Saved entries:
>>>>
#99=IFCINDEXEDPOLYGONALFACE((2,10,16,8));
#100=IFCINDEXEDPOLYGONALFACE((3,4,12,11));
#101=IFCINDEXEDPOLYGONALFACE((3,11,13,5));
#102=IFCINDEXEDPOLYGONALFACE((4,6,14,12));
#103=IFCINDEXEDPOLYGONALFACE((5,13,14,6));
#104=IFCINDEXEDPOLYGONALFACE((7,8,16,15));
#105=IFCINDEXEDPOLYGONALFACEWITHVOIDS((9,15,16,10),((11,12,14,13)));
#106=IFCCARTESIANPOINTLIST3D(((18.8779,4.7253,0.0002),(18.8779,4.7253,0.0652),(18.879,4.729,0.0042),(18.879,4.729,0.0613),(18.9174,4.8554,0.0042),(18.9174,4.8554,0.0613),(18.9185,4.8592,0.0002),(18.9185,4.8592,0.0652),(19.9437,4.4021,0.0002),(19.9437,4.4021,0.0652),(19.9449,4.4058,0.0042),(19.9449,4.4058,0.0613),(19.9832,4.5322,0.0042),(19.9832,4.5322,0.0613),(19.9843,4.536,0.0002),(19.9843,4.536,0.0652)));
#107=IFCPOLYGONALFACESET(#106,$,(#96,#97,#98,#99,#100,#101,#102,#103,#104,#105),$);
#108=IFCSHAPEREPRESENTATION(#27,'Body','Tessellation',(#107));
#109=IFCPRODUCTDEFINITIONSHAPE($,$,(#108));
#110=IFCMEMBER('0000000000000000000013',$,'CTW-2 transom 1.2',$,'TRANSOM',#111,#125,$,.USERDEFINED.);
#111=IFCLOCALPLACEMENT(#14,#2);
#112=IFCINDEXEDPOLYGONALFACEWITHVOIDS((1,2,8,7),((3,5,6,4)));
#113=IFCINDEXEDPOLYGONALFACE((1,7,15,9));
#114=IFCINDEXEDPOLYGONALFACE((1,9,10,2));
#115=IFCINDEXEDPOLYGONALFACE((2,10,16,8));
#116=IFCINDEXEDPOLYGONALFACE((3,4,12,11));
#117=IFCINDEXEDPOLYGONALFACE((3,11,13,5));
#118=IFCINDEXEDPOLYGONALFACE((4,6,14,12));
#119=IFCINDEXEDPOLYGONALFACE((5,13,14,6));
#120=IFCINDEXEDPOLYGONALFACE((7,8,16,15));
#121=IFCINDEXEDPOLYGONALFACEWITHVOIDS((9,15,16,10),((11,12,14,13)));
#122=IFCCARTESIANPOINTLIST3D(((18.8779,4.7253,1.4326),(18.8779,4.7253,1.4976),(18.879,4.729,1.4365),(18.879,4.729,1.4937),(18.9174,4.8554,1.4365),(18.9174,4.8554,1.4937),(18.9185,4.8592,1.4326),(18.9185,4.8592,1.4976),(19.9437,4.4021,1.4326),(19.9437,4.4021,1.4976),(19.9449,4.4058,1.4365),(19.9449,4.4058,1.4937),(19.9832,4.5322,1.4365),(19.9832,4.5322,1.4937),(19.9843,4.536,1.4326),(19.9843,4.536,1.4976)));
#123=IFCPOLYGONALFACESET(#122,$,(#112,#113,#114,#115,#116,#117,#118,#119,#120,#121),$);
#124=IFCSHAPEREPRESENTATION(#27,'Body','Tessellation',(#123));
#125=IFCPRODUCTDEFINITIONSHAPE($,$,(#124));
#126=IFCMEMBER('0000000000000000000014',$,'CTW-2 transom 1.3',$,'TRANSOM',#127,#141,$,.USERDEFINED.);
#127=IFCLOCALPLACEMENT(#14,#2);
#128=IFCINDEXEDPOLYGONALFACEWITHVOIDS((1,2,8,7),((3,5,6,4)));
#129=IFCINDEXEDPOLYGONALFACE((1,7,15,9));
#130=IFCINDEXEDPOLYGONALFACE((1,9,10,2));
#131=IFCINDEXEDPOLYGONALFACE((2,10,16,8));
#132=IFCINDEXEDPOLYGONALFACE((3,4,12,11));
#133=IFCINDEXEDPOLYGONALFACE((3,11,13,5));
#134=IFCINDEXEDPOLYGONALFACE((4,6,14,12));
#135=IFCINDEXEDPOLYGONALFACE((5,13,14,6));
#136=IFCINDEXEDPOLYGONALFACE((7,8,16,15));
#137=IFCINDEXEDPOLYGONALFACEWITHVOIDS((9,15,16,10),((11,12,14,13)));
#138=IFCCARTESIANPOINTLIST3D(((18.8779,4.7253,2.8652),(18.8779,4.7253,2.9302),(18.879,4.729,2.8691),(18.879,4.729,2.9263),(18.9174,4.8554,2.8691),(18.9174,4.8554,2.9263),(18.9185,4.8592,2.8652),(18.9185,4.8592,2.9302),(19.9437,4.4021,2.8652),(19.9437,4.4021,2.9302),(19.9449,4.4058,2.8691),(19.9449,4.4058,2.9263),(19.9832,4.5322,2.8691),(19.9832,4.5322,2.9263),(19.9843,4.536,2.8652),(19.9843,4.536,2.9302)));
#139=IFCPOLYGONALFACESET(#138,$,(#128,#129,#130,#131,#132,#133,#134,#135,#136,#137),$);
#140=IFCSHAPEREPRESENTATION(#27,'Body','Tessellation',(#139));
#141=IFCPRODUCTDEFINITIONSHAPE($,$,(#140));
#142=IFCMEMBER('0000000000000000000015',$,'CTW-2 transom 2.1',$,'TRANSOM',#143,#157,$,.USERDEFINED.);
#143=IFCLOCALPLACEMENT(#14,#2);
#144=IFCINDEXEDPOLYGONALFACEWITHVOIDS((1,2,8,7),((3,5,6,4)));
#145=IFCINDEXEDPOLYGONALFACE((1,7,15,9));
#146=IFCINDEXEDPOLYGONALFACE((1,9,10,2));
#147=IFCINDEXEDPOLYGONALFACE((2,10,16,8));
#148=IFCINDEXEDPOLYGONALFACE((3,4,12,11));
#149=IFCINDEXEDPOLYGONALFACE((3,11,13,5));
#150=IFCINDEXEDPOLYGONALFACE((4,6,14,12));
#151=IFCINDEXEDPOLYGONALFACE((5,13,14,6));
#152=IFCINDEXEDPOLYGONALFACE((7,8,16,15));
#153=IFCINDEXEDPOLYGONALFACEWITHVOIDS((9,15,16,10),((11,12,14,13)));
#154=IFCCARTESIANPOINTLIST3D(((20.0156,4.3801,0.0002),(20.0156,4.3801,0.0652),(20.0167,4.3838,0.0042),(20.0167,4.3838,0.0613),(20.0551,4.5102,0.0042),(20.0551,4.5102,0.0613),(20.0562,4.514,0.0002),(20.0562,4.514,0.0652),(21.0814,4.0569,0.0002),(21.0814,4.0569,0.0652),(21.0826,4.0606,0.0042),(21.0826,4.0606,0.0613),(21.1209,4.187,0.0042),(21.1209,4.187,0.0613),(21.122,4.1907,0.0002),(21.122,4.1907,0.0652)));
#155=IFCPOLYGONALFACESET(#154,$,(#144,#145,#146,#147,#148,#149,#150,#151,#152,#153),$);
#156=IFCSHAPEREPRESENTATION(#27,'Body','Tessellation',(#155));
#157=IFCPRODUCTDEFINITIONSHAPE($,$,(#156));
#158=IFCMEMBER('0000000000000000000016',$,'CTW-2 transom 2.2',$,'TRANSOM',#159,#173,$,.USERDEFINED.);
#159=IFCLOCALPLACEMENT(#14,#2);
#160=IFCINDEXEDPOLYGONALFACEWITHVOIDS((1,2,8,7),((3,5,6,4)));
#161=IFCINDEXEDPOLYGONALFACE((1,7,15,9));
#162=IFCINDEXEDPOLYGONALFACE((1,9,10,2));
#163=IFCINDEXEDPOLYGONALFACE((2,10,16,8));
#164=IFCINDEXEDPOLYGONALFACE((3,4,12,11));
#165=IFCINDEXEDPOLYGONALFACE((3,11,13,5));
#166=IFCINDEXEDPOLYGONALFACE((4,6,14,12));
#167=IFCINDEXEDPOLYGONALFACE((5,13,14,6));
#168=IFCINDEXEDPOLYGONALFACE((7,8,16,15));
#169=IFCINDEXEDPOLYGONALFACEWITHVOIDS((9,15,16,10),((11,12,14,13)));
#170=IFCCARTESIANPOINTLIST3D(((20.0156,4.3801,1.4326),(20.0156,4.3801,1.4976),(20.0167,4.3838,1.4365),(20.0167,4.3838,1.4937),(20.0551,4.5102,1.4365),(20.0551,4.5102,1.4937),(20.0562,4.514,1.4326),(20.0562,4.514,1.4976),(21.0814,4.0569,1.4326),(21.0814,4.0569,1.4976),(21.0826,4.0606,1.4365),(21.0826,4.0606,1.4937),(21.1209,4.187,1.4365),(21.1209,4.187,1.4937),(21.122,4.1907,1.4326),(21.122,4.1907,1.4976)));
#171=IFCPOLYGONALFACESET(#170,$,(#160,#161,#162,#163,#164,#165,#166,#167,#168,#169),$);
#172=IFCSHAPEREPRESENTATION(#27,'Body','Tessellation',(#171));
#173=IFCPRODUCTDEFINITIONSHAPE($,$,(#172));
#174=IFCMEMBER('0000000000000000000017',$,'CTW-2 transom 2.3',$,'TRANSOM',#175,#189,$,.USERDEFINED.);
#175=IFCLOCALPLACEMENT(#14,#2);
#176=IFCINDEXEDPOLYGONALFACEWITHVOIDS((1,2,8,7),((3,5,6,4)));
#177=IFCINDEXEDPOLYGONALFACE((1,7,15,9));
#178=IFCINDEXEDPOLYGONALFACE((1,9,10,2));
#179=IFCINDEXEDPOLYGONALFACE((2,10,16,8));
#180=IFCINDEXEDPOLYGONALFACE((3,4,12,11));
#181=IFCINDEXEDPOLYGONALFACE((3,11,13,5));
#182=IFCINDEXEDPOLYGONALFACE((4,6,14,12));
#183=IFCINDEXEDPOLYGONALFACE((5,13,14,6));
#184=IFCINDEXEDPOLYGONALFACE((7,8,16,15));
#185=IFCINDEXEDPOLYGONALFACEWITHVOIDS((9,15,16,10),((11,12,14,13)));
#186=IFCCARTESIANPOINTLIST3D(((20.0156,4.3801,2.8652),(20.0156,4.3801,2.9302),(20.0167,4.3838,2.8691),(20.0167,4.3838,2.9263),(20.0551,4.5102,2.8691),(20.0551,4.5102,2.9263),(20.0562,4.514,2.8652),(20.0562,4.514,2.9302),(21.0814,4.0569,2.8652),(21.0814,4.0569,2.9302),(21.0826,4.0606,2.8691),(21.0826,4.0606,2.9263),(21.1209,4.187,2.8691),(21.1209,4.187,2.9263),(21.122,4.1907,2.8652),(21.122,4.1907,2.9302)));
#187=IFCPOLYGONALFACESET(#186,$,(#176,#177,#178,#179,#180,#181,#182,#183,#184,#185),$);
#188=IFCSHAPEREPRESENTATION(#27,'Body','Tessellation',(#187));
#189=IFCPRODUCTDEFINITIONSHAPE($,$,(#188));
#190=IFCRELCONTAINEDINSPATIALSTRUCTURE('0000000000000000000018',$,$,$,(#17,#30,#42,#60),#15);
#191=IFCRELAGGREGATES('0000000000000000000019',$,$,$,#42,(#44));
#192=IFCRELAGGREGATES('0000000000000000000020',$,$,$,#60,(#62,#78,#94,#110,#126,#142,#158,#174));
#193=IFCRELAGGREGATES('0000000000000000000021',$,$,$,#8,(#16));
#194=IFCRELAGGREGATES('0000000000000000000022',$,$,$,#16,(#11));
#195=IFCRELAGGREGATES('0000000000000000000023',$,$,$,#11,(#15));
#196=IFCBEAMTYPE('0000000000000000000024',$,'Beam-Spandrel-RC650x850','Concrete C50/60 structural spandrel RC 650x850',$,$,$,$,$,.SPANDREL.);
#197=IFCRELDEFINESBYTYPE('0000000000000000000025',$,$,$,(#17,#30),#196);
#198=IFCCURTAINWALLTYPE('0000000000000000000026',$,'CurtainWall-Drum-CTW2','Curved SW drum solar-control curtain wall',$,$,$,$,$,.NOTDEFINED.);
<<<<
**What you will do:** Looking at the records, state how many lines contain "Tessellation" and write nothing besides that number.

**Output below:** 6